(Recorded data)
----

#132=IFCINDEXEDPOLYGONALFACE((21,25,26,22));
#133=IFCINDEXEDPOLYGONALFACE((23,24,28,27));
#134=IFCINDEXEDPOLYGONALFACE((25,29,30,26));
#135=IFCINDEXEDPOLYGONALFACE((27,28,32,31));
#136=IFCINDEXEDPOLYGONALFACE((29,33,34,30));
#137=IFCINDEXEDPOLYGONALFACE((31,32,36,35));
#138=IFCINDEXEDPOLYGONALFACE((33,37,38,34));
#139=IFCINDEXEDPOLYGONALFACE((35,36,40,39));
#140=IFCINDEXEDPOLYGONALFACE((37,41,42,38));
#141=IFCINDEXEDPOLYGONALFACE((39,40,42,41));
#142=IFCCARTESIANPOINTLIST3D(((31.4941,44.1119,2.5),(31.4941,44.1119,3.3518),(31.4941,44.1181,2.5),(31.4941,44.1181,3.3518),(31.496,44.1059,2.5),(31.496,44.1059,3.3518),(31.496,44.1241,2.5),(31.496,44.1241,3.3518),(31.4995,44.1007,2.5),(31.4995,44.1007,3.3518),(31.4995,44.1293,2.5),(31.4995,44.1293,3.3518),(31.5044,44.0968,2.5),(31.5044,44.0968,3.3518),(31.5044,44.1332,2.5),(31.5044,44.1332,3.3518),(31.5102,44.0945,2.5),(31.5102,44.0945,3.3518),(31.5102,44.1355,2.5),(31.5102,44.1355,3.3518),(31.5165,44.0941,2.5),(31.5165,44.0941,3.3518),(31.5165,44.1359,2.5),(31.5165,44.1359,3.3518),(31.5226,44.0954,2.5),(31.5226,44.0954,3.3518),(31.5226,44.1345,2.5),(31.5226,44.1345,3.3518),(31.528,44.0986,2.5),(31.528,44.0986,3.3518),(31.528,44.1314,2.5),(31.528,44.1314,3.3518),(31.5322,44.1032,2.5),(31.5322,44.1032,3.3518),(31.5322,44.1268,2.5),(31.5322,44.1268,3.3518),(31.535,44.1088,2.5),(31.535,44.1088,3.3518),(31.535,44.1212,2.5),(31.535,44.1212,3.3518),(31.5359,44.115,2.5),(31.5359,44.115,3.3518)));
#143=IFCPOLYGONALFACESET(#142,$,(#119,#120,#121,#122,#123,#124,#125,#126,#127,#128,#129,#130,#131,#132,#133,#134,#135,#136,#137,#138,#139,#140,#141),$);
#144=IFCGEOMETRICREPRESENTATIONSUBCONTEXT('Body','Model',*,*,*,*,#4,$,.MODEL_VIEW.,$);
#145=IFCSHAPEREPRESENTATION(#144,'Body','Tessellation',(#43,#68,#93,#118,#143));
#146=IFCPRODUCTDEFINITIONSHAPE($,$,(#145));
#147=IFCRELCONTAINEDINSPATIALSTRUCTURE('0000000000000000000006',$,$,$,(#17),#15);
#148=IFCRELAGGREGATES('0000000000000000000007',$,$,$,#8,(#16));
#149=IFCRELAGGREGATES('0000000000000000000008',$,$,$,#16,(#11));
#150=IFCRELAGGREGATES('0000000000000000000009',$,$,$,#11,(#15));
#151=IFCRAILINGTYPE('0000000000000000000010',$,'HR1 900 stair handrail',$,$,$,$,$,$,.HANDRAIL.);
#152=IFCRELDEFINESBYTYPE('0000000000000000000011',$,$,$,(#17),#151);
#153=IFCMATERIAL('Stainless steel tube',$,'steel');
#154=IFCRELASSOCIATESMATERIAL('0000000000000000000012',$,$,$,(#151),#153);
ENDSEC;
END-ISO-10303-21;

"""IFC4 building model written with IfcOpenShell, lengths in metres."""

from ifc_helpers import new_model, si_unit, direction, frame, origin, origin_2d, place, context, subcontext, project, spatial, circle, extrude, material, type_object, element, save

----

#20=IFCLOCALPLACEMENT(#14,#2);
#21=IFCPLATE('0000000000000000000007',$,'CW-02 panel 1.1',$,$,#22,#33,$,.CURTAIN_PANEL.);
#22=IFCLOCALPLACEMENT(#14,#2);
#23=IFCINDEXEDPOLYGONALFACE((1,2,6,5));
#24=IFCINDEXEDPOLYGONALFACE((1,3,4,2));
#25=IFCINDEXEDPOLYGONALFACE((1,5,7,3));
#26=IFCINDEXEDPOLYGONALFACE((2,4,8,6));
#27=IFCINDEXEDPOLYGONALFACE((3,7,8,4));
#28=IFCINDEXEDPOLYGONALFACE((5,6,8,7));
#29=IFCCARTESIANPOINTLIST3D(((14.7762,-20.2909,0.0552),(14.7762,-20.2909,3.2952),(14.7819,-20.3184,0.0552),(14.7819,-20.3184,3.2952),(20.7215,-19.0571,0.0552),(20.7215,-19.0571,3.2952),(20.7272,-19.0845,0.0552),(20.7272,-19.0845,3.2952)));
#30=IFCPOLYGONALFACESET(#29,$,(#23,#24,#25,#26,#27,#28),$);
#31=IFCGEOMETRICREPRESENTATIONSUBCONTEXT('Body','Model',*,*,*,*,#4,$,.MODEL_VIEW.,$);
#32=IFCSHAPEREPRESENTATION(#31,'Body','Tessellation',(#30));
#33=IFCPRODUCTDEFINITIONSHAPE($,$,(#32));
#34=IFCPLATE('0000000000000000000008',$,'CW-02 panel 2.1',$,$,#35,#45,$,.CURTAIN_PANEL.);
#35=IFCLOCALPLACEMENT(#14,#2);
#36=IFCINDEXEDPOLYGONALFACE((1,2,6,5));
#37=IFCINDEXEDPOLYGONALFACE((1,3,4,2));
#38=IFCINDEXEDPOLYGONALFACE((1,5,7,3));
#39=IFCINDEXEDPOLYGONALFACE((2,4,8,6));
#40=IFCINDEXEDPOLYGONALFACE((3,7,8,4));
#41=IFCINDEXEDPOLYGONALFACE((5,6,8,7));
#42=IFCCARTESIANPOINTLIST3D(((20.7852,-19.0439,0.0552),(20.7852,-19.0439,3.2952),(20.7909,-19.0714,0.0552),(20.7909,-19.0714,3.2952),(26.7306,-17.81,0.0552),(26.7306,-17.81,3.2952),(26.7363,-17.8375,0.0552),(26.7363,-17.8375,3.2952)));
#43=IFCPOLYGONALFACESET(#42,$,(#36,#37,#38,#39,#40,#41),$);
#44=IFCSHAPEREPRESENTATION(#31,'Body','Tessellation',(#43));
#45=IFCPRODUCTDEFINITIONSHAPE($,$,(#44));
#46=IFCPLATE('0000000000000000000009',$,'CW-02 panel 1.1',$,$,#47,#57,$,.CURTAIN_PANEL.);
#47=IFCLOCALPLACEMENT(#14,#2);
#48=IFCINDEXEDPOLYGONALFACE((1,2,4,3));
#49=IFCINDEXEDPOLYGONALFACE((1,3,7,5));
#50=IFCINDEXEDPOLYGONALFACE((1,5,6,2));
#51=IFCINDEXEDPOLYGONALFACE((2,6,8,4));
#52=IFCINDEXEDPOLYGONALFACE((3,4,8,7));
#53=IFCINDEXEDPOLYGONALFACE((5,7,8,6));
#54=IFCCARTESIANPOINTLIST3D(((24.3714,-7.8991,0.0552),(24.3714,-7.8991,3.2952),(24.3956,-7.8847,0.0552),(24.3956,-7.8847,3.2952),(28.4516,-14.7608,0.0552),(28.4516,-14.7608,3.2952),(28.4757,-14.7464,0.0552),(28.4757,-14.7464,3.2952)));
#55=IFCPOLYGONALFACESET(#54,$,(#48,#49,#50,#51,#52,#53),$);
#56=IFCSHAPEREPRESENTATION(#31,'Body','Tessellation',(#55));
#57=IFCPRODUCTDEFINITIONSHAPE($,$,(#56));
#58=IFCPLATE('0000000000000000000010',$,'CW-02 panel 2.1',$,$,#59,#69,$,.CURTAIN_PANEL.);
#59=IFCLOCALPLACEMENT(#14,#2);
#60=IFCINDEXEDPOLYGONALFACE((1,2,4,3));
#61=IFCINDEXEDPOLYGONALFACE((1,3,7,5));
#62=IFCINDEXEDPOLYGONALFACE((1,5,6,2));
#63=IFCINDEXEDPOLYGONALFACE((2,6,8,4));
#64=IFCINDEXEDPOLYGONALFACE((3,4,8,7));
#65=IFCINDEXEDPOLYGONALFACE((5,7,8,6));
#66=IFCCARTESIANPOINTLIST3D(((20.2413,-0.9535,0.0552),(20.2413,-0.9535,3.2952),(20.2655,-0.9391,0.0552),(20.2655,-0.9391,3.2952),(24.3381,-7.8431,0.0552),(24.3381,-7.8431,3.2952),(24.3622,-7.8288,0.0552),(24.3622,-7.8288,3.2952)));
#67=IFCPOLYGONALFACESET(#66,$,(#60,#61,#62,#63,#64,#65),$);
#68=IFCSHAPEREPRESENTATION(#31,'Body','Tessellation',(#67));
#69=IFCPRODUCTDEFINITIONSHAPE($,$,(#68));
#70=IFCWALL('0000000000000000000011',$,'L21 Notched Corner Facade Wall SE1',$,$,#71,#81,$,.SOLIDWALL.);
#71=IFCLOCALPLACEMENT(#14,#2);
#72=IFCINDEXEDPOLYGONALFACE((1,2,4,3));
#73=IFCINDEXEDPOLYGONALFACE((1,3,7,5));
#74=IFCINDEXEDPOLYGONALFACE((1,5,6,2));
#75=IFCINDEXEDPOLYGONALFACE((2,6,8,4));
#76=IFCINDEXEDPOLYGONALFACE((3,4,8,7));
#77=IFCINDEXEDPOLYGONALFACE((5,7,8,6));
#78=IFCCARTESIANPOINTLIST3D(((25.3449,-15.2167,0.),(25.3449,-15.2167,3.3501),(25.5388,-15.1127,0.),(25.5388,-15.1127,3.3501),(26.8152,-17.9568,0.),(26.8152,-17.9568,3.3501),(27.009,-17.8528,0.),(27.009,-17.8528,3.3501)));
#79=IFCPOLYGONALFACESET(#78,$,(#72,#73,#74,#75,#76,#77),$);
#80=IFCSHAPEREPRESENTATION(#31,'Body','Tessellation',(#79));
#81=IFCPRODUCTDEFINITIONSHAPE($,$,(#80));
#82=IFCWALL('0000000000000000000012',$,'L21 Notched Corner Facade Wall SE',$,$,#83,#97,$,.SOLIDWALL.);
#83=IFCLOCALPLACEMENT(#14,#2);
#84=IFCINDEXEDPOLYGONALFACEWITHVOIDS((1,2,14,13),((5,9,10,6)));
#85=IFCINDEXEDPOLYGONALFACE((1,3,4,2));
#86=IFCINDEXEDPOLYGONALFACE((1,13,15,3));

----

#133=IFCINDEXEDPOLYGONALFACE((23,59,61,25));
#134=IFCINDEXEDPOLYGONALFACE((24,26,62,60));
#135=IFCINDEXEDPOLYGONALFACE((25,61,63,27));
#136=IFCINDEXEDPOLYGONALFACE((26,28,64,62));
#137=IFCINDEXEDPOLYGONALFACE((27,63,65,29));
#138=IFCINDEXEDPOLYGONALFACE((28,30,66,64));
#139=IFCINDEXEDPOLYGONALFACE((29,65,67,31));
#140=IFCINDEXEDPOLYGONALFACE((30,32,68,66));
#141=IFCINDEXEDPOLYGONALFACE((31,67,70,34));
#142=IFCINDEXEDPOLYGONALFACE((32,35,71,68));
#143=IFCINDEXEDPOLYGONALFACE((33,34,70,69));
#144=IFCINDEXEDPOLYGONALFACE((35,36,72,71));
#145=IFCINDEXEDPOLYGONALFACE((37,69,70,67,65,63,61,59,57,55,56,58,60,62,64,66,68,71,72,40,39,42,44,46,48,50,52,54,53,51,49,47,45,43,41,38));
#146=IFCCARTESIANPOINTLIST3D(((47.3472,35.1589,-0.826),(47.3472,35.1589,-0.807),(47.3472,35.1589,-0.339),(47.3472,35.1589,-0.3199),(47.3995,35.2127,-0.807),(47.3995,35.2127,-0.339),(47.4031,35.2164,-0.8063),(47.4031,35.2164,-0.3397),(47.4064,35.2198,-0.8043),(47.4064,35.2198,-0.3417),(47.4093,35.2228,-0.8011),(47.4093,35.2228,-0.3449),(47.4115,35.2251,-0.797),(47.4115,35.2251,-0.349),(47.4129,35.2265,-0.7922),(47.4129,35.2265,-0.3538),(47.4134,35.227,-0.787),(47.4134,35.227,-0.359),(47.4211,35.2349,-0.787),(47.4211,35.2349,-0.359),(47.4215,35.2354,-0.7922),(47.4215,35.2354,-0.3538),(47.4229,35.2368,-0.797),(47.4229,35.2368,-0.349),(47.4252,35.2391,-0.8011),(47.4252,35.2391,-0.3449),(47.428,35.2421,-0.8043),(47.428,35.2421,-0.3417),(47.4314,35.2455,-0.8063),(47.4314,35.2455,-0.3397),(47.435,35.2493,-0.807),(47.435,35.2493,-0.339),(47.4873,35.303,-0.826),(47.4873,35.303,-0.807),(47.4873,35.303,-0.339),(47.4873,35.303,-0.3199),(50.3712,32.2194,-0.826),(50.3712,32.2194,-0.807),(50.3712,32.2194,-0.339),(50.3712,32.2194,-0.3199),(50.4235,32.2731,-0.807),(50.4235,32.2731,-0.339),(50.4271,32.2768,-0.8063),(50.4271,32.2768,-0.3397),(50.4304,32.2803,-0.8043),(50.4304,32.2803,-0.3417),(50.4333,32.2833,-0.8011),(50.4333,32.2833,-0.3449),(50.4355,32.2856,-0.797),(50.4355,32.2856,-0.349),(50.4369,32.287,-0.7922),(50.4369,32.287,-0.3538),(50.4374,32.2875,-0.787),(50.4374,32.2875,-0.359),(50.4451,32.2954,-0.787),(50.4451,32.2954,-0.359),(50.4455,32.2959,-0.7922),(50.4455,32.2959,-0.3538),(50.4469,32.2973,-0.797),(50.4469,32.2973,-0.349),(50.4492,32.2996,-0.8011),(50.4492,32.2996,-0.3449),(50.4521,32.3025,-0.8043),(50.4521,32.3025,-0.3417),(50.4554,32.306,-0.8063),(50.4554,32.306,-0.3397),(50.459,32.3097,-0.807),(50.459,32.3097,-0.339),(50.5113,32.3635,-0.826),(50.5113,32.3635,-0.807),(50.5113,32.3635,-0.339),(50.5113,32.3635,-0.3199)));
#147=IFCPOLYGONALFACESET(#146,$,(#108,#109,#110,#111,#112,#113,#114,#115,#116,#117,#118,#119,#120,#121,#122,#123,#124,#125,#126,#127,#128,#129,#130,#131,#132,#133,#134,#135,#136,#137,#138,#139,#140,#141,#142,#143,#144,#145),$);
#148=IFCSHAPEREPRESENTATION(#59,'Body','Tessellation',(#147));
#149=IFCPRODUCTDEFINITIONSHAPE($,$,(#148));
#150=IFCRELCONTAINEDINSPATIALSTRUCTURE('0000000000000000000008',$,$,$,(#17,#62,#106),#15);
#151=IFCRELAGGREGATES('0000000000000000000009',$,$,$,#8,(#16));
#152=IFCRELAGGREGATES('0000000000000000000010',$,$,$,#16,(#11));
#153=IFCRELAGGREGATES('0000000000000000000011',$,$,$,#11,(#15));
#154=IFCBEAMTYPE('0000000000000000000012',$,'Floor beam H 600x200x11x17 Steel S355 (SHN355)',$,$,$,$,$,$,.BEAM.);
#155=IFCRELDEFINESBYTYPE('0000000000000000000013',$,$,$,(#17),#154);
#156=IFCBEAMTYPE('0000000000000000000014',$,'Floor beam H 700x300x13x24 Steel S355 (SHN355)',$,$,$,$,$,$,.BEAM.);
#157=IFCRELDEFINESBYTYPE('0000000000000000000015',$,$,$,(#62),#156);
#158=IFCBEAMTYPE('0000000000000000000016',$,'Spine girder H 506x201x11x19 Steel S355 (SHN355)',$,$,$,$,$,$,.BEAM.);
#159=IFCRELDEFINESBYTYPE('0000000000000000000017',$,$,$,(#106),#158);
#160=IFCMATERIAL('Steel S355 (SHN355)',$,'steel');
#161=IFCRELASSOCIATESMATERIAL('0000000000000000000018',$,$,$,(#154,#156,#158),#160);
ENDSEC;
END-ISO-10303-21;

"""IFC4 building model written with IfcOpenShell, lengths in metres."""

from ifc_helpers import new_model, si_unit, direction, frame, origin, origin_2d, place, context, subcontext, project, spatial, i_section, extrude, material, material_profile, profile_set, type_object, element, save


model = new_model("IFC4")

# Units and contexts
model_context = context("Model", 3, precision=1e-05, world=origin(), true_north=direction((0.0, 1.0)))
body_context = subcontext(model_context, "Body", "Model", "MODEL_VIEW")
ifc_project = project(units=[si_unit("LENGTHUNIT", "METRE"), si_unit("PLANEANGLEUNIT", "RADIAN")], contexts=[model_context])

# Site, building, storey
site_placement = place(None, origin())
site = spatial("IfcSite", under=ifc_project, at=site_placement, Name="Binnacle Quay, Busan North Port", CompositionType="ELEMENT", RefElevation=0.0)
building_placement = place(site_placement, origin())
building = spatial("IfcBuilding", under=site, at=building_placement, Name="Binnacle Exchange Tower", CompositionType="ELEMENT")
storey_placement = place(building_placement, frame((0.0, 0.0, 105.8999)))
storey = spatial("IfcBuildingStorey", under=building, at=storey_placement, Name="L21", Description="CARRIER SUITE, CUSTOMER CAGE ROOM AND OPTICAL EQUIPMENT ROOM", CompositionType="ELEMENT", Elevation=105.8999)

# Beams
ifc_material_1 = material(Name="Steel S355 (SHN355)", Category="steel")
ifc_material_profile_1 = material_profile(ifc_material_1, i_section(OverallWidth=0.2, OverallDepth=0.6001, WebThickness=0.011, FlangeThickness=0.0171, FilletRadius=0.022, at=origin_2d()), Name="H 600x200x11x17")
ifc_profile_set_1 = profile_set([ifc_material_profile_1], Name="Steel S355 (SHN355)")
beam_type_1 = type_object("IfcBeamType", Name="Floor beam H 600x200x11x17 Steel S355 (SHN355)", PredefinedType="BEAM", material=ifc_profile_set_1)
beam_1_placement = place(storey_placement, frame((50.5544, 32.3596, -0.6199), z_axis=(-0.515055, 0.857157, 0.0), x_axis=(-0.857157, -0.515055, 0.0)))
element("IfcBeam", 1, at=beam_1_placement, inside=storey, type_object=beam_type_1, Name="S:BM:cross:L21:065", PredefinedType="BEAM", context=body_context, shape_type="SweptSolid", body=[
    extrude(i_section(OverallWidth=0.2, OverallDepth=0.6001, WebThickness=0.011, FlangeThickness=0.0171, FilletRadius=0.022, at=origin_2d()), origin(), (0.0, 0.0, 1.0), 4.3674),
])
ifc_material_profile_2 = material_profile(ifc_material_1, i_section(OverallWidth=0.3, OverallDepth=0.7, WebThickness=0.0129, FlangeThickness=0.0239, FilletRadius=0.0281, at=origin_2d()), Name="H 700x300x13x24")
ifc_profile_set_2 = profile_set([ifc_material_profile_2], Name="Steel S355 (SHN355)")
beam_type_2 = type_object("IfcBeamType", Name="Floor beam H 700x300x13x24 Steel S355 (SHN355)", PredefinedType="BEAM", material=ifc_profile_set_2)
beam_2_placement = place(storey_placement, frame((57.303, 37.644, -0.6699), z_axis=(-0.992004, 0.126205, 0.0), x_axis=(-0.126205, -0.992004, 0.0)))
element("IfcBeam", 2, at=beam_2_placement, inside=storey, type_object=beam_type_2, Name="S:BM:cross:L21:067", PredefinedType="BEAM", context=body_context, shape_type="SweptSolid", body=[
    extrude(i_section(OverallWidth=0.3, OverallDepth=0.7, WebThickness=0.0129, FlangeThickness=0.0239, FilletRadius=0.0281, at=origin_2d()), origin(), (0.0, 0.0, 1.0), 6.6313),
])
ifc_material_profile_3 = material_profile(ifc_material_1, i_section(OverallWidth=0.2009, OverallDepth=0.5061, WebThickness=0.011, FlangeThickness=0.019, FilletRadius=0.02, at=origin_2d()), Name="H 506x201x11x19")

----

**Aim of the exercise:** Return only the lines between the one holding "#132=IFCINDEXEDPOLYGONALFACE((21,25,26,22));" and the one holding "#141=IFCINDEXEDPOLYGONALFACE((39,40,42,41));", inclusive, exactly as they appear above.

**Written response:**
#132=IFCINDEXEDPOLYGONALFACE((21,25,26,22));
#133=IFCINDEXEDPOLYGONALFACE((23,24,28,27));
#134=IFCINDEXEDPOLYGONALFACE((25,29,30,26));
#135=IFCINDEXEDPOLYGONALFACE((27,28,32,31));
#136=IFCINDEXEDPOLYGONALFACE((29,33,34,30));
#137=IFCINDEXEDPOLYGONALFACE((31,32,36,35));
#138=IFCINDEXEDPOLYGONALFACE((33,37,38,34));
#139=IFCINDEXEDPOLYGONALFACE((35,36,40,39));
#140=IFCINDEXEDPOLYGONALFACE((37,41,42,38));
#141=IFCINDEXEDPOLYGONALFACE((39,40,42,41));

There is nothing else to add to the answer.